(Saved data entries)

──────

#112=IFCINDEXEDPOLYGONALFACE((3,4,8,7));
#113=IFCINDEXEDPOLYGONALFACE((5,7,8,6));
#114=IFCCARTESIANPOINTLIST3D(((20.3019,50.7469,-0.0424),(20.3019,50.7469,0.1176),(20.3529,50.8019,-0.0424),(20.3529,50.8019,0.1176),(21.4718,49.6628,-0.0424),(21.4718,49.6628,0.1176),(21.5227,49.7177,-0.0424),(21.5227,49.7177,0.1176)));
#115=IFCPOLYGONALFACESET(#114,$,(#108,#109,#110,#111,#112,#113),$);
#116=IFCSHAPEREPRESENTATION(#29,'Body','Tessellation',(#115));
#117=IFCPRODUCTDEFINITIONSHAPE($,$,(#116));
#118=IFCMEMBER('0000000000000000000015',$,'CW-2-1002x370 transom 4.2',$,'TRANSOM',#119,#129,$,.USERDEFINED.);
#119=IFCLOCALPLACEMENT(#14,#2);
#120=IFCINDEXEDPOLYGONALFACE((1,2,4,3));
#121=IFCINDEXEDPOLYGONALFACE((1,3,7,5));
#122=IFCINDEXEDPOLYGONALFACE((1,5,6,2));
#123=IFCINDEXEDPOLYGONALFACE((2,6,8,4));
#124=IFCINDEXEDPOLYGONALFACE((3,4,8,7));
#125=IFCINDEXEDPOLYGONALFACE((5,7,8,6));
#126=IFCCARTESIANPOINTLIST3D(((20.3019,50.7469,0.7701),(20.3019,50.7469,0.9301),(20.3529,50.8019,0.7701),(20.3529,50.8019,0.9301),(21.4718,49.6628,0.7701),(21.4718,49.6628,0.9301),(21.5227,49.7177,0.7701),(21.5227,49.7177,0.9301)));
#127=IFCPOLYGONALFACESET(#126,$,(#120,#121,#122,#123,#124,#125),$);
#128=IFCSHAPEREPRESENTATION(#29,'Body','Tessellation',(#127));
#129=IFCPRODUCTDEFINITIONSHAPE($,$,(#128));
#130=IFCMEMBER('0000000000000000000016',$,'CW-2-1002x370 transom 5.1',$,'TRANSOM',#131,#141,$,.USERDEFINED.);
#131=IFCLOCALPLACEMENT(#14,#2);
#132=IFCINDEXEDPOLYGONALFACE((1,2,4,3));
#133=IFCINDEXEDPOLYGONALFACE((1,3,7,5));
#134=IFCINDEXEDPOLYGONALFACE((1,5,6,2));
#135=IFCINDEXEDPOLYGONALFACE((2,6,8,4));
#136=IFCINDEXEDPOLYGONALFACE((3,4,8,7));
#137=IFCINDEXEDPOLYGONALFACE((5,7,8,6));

──────

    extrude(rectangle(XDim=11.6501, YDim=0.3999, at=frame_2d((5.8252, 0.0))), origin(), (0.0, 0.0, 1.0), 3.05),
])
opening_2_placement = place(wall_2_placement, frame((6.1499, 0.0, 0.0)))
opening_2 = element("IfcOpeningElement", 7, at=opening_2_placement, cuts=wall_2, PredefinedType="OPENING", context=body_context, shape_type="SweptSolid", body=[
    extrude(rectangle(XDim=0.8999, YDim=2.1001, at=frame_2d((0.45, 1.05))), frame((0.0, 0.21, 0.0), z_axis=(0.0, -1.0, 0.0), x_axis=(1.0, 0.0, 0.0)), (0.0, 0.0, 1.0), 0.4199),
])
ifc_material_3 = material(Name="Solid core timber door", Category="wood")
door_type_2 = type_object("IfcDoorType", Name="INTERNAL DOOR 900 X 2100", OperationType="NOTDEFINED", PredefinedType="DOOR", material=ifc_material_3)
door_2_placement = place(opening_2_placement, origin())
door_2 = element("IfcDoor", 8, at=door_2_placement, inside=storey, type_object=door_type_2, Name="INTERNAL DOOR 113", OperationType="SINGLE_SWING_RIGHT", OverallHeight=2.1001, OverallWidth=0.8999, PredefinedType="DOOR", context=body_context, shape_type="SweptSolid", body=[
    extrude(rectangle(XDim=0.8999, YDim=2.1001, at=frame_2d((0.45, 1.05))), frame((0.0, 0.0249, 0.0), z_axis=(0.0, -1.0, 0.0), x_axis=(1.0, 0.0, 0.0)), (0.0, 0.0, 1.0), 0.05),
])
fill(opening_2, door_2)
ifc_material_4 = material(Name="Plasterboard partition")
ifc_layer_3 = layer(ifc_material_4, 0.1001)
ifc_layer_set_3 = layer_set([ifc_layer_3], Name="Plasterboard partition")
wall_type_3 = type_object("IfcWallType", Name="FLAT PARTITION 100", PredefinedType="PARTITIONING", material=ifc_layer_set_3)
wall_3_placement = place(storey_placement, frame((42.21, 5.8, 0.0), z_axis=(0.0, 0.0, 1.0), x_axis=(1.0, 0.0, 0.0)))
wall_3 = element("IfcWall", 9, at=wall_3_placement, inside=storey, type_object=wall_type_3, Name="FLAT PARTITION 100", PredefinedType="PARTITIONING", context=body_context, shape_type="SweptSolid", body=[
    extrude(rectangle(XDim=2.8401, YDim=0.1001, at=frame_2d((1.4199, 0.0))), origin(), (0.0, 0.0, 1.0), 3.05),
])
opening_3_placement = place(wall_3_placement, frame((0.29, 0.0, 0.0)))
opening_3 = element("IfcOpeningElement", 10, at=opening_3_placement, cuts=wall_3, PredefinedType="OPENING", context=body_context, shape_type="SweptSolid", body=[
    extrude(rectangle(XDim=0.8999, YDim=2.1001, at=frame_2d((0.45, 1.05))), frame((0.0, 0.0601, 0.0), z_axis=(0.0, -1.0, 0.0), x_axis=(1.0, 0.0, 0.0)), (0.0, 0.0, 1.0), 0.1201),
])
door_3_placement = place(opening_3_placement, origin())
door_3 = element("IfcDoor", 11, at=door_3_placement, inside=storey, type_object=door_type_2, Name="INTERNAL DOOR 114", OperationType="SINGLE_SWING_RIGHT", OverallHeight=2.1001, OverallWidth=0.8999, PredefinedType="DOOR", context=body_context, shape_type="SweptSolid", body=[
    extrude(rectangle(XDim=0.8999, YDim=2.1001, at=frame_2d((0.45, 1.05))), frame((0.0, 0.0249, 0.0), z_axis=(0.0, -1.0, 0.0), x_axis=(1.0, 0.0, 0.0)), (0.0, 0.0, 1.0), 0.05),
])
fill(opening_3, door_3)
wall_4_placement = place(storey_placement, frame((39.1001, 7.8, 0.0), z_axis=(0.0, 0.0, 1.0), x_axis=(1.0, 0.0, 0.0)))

──────

Your goal
Start with the line above that contains "#122=IFCINDEXEDPOLYGONALFACE((1,5,6,2));" and stop after the line that contains "#125=IFCINDEXEDPOLYGONALFACE((5,7,8,6));". Output those lines exactly, and only those.

Response for this exercise
#122=IFCINDEXEDPOLYGONALFACE((1,5,6,2));
#123=IFCINDEXEDPOLYGONALFACE((2,6,8,4));
#124=IFCINDEXEDPOLYGONALFACE((3,4,8,7));
#125=IFCINDEXEDPOLYGONALFACE((5,7,8,6));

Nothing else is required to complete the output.